# Work order
Of the lines listed below, return exactly those that run from the line containing "#69=IFCINDEXEDPOLYGONALFACE((17,42,45,20));" through the line containing "#85=IFCRELAGGREGATES('0000000000000000000013',$,$,$,#11,(#15));", both included.

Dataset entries
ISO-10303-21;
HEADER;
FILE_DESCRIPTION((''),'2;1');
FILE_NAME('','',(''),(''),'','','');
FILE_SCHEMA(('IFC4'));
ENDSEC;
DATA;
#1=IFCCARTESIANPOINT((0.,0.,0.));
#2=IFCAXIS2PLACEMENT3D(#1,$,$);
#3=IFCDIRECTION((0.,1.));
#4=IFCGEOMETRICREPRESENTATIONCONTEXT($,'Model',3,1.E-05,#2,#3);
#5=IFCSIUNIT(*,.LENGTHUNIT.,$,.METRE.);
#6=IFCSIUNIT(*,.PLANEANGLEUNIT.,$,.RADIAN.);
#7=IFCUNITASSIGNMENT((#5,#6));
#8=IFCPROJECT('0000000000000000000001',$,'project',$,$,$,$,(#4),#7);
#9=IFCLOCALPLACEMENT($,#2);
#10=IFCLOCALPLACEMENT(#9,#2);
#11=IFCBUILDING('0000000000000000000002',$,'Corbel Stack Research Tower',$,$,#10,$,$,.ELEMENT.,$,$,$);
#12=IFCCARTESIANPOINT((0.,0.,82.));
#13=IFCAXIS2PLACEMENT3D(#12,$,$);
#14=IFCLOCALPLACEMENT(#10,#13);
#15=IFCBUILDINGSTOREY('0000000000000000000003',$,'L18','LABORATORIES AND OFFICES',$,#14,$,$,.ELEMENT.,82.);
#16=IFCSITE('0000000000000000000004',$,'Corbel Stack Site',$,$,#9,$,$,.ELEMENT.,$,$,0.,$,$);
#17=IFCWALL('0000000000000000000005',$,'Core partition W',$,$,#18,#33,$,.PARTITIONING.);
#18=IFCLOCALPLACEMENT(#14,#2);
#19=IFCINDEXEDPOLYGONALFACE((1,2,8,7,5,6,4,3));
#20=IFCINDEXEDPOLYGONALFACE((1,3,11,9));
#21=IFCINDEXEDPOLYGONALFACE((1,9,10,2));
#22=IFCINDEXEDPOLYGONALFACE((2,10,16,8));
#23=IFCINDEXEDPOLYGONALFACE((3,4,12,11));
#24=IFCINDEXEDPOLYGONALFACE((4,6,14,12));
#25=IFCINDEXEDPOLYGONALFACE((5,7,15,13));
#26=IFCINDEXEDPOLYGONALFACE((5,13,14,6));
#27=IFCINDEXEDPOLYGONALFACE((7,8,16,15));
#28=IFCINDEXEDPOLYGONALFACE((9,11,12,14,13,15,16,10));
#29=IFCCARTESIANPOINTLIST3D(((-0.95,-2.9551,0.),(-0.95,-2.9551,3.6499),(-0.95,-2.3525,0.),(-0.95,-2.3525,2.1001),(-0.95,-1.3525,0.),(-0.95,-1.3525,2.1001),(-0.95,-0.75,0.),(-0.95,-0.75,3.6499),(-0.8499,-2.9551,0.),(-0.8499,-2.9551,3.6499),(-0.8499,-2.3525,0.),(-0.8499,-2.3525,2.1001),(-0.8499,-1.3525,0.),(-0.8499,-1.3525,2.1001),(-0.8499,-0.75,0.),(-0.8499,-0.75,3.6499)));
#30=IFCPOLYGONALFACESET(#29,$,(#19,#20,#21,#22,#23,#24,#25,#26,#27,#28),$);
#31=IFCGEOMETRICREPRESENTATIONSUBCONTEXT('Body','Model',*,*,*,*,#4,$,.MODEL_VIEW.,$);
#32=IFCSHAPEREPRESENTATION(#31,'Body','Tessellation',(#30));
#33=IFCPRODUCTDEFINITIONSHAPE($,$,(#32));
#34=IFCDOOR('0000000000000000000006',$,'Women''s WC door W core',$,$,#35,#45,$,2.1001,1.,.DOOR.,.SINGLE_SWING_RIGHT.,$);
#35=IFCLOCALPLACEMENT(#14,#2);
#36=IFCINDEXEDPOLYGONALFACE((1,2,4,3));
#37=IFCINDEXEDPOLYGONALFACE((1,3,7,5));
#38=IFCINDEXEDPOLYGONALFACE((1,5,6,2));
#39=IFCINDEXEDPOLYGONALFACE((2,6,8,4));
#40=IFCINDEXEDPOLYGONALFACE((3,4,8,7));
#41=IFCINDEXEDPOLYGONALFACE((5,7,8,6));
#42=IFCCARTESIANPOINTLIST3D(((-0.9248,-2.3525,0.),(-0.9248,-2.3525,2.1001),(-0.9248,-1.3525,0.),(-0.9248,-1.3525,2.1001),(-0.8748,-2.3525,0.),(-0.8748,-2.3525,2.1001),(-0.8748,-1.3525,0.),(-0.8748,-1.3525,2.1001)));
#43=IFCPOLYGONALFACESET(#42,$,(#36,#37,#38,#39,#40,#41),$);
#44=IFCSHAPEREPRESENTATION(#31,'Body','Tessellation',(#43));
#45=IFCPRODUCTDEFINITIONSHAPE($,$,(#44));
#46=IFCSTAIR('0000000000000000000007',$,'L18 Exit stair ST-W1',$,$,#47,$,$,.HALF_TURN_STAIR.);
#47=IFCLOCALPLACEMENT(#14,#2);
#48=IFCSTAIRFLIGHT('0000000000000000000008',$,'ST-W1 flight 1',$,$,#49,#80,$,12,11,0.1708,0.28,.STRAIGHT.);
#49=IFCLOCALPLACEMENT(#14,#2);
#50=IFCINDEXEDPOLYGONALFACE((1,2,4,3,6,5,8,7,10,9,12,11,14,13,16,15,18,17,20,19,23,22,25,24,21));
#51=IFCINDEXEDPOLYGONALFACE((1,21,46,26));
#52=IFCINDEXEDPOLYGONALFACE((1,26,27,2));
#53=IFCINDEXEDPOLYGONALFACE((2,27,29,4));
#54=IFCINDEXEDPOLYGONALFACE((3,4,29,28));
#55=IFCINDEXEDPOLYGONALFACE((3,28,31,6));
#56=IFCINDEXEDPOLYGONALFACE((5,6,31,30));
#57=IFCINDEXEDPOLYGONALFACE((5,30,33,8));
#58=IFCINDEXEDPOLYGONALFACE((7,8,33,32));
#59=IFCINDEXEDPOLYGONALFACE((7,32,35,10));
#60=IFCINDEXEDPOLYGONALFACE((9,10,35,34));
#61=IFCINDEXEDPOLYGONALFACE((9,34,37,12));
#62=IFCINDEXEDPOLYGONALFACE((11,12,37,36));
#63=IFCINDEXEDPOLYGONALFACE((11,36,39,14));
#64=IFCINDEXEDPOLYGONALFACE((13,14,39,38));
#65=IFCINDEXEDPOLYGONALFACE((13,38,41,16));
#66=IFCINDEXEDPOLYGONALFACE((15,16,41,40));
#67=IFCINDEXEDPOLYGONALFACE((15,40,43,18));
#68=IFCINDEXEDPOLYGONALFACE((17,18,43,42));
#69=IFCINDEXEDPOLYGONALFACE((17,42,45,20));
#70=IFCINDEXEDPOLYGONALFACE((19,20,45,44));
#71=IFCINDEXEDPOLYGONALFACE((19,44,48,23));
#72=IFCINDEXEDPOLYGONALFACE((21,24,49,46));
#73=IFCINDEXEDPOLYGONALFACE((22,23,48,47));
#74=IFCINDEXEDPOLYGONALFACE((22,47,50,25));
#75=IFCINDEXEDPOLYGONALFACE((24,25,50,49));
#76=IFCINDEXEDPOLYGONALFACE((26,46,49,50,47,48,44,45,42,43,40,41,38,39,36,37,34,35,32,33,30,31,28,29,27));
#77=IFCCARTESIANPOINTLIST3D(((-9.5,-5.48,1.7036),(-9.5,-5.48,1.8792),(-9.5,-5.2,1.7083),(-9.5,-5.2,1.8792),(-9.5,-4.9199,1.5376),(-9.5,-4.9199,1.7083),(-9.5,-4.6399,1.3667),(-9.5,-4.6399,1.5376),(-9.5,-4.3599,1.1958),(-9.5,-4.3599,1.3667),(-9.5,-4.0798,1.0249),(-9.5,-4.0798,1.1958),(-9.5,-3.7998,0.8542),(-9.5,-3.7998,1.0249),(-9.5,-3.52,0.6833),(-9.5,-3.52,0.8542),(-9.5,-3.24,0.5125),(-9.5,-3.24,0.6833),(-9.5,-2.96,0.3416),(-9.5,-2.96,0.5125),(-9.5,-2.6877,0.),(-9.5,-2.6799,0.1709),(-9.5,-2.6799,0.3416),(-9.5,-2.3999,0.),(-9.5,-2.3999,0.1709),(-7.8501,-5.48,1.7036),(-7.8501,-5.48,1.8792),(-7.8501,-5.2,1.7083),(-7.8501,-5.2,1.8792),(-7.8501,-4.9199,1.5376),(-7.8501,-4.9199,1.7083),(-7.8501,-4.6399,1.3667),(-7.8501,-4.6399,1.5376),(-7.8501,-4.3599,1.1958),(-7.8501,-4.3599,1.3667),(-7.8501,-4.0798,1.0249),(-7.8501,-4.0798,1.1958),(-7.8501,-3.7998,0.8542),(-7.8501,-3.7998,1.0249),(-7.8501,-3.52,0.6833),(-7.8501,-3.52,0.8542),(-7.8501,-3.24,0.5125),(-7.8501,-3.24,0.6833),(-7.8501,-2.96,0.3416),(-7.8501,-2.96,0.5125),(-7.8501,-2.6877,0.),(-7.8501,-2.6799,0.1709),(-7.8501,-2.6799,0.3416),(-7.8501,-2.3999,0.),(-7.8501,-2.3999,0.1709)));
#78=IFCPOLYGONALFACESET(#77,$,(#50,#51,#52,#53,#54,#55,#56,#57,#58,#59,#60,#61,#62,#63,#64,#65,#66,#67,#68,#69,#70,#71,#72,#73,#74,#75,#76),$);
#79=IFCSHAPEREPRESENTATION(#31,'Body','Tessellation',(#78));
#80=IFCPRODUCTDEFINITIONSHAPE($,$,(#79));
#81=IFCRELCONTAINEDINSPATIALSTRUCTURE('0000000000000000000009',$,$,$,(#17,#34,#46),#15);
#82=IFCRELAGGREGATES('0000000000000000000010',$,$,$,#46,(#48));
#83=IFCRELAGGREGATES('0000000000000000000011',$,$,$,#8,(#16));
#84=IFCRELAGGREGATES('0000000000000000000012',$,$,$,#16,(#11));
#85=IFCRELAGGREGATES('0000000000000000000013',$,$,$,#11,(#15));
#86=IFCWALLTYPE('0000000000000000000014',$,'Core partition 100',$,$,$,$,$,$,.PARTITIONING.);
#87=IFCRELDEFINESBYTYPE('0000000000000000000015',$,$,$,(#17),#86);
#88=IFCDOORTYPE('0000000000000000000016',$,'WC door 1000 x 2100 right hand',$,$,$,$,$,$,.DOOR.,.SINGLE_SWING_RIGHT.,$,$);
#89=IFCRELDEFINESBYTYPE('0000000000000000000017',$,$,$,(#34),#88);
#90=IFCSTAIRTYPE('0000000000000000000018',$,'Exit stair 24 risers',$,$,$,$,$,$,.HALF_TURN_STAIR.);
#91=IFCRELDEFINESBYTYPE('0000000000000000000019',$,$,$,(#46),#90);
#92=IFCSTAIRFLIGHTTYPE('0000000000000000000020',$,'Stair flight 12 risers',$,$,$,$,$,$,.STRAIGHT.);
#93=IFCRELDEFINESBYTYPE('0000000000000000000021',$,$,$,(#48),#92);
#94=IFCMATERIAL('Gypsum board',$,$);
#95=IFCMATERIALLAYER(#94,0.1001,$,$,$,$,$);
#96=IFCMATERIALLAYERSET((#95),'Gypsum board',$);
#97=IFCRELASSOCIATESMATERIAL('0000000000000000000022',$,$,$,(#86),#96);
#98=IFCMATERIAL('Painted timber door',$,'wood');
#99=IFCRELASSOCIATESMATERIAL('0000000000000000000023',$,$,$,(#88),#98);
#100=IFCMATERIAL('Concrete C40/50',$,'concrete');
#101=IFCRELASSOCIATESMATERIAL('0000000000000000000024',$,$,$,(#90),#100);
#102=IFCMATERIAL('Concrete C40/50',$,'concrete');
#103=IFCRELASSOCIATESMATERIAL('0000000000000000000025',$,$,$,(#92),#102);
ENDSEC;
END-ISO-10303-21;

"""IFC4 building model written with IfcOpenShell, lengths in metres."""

from ifc_helpers import new_model, si_unit, direction, frame, frame_2d, origin, place, context, subcontext, project, spatial, polyline, rectangle, outline, extrude, material, layer, layer_set, type_object, element, fill, aggregate, save


model = new_model("IFC4")

# Units and contexts
model_context = context("Model", 3, precision=1e-05, world=origin(), true_north=direction((0.0, 1.0)))
body_context = subcontext(model_context, "Body", "Model", "MODEL_VIEW")
ifc_project = project(units=[si_unit("LENGTHUNIT", "METRE"), si_unit("PLANEANGLEUNIT", "RADIAN")], contexts=[model_context])

# Site, building, storey
site_placement = place(None, origin())
site = spatial("IfcSite", under=ifc_project, at=site_placement, Name="Corbel Stack Site", CompositionType="ELEMENT", RefElevation=0.0)
building_placement = place(site_placement, origin())
building = spatial("IfcBuilding", under=site, at=building_placement, Name="Corbel Stack Research Tower", CompositionType="ELEMENT")
storey_placement = place(building_placement, frame((0.0, 0.0, 82.0)))
storey = spatial("IfcBuildingStorey", under=building, at=storey_placement, Name="L18", Description="LABORATORIES AND OFFICES", CompositionType="ELEMENT", Elevation=82.0)

# Wall, opening, door
ifc_material_1 = material(Name="Gypsum board")
ifc_layer_1 = layer(ifc_material_1, 0.1001)
ifc_layer_set_1 = layer_set([ifc_layer_1], Name="Gypsum board")
wall_type_1 = type_object("IfcWallType", Name="Core partition 100", PredefinedType="PARTITIONING", material=ifc_layer_set_1)
wall_placement = place(storey_placement, frame((-0.8999, -2.9551, 0.0), z_axis=(0.0, 0.0, 1.0), x_axis=(0.0, 1.0, 0.0)))
wall = element("IfcWall", 1, at=wall_placement, inside=storey, type_object=wall_type_1, Name="Core partition W", PredefinedType="PARTITIONING", context=body_context, shape_type="SweptSolid", body=[
    extrude(rectangle(XDim=2.2051, YDim=0.1001, at=frame_2d((1.1025, 0.0))), origin(), (0.0, 0.0, 1.0), 3.6499),
])
opening_placement = place(wall_placement, frame((0.6025, 0.0, 0.0)))
opening = element("IfcOpeningElement", 2, at=opening_placement, cuts=wall, PredefinedType="OPENING", context=body_context, shape_type="SweptSolid", body=[
    extrude(rectangle(XDim=1.0, YDim=2.1001, at=frame_2d((0.5, 1.05))), frame((0.0, 0.0601, 0.0), z_axis=(0.0, -1.0, 0.0), x_axis=(1.0, 0.0, 0.0)), (0.0, 0.0, 1.0), 0.1201),
])
ifc_material_2 = material(Name="Painted timber door", Category="wood")
door_type = type_object("IfcDoorType", Name="WC door 1000 x 2100 right hand", OperationType="SINGLE_SWING_RIGHT", PredefinedType="DOOR", material=ifc_material_2)
door_placement = place(opening_placement, origin())
door = element("IfcDoor", 3, at=door_placement, inside=storey, type_object=door_type, Name="Women's WC door W core", OperationType="SINGLE_SWING_RIGHT", OverallHeight=2.1001, OverallWidth=1.0, PredefinedType="DOOR", context=body_context, shape_type="SweptSolid", body=[
    extrude(rectangle(XDim=1.0, YDim=2.1001, at=frame_2d((0.5, 1.05))), frame((0.0, 0.0249, 0.0), z_axis=(0.0, -1.0, 0.0), x_axis=(1.0, 0.0, 0.0)), (0.0, 0.0, 1.0), 0.05),
])
fill(opening, door)

# Stair, stair flight
ifc_material_3 = material(Name="Concrete C40/50", Category="concrete")
stair_type = type_object("IfcStairType", Name="Exit stair 24 risers", PredefinedType="HALF_TURN_STAIR", material=ifc_material_3)
stair_placement = place(storey_placement, origin())
stair = element("IfcStair", 4, at=stair_placement, inside=storey, type_object=stair_type, Name="L18 Exit stair ST-W1", PredefinedType="HALF_TURN_STAIR")
ifc_material_4 = material(Name="Concrete C40/50", Category="concrete")
stair_flight_type = type_object("IfcStairFlightType", Name="Stair flight 12 risers", PredefinedType="STRAIGHT", material=ifc_material_4)
stair_flight_placement = place(storey_placement, frame((-8.675, -2.3999, 0.0), z_axis=(0.0, 0.0, 1.0), x_axis=(0.0, -1.0, 0.0)))
stair_flight = element("IfcStairFlight", 5, at=stair_flight_placement, type_object=stair_flight_type, Name="ST-W1 flight 1", NumberOfRisers=12, NumberOfTreads=11, PredefinedType="STRAIGHT", RiserHeight=0.1708, TreadLength=0.28, context=body_context, shape_type="SweptSolid", body=[
    extrude(outline(polyline([(0.0, 0.0), (0.0, 0.1709), (0.28, 0.1709), (0.28, 0.3416), (0.5601, 0.3416), (0.5601, 0.5125), (0.8401, 0.5125), (0.8401, 0.6833), (1.1201, 0.6833), (1.1201, 0.8542), (1.3999, 0.8542), (1.3999, 1.0249), (1.6799, 1.0249), (1.6799, 1.1958), (1.96, 1.1958), (1.96, 1.3667), (2.24, 1.3667), (2.24, 1.5376), (2.52, 1.5376), (2.52, 1.7083), (2.8, 1.7083), (2.8, 1.8792), (3.0801, 1.8792), (3.0801, 2.05), (3.0801, 1.7036), (0.2878, 0.0), (0.0, 0.0)])), frame((0.0, 0.825, 0.0), z_axis=(0.0, -1.0, 0.0), x_axis=(1.0, 0.0, 0.0)), (0.0, 0.0, 1.0), 1.6499),
])
aggregate(stair, [stair_flight])

save(model, "model.ifc")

# Completed exercise
#69=IFCINDEXEDPOLYGONALFACE((17,42,45,20));
#70=IFCINDEXEDPOLYGONALFACE((19,20,45,44));
#71=IFCINDEXEDPOLYGONALFACE((19,44,48,23));
#72=IFCINDEXEDPOLYGONALFACE((21,24,49,46));
#73=IFCINDEXEDPOLYGONALFACE((22,23,48,47));
#74=IFCINDEXEDPOLYGONALFACE((22,47,50,25));
#75=IFCINDEXEDPOLYGONALFACE((24,25,50,49));
#76=IFCINDEXEDPOLYGONALFACE((26,46,49,50,47,48,44,45,42,43,40,41,38,39,36,37,34,35,32,33,30,31,28,29,27));
#77=IFCCARTESIANPOINTLIST3D(((-9.5,-5.48,1.7036),(-9.5,-5.48,1.8792),(-9.5,-5.2,1.7083),(-9.5,-5.2,1.8792),(-9.5,-4.9199,1.5376),(-9.5,-4.9199,1.7083),(-9.5,-4.6399,1.3667),(-9.5,-4.6399,1.5376),(-9.5,-4.3599,1.1958),(-9.5,-4.3599,1.3667),(-9.5,-4.0798,1.0249),(-9.5,-4.0798,1.1958),(-9.5,-3.7998,0.8542),(-9.5,-3.7998,1.0249),(-9.5,-3.52,0.6833),(-9.5,-3.52,0.8542),(-9.5,-3.24,0.5125),(-9.5,-3.24,0.6833),(-9.5,-2.96,0.3416),(-9.5,-2.96,0.5125),(-9.5,-2.6877,0.),(-9.5,-2.6799,0.1709),(-9.5,-2.6799,0.3416),(-9.5,-2.3999,0.),(-9.5,-2.3999,0.1709),(-7.8501,-5.48,1.7036),(-7.8501,-5.48,1.8792),(-7.8501,-5.2,1.7083),(-7.8501,-5.2,1.8792),(-7.8501,-4.9199,1.5376),(-7.8501,-4.9199,1.7083),(-7.8501,-4.6399,1.3667),(-7.8501,-4.6399,1.5376),(-7.8501,-4.3599,1.1958),(-7.8501,-4.3599,1.3667),(-7.8501,-4.0798,1.0249),(-7.8501,-4.0798,1.1958),(-7.8501,-3.7998,0.8542),(-7.8501,-3.7998,1.0249),(-7.8501,-3.52,0.6833),(-7.8501,-3.52,0.8542),(-7.8501,-3.24,0.5125),(-7.8501,-3.24,0.6833),(-7.8501,-2.96,0.3416),(-7.8501,-2.96,0.5125),(-7.8501,-2.6877,0.),(-7.8501,-2.6799,0.1709),(-7.8501,-2.6799,0.3416),(-7.8501,-2.3999,0.),(-7.8501,-2.3999,0.1709)));
#78=IFCPOLYGONALFACESET(#77,$,(#50,#51,#52,#53,#54,#55,#56,#57,#58,#59,#60,#61,#62,#63,#64,#65,#66,#67,#68,#69,#70,#71,#72,#73,#74,#75,#76),$);
#79=IFCSHAPEREPRESENTATION(#31,'Body','Tessellation',(#78));
#80=IFCPRODUCTDEFINITIONSHAPE($,$,(#79));
#81=IFCRELCONTAINEDINSPATIALSTRUCTURE('0000000000000000000009',$,$,$,(#17,#34,#46),#15);
#82=IFCRELAGGREGATES('0000000000000000000010',$,$,$,#46,(#48));
#83=IFCRELAGGREGATES('0000000000000000000011',$,$,$,#8,(#16));
#84=IFCRELAGGREGATES('0000000000000000000012',$,$,$,#16,(#11));
#85=IFCRELAGGREGATES('0000000000000000000013',$,$,$,#11,(#15));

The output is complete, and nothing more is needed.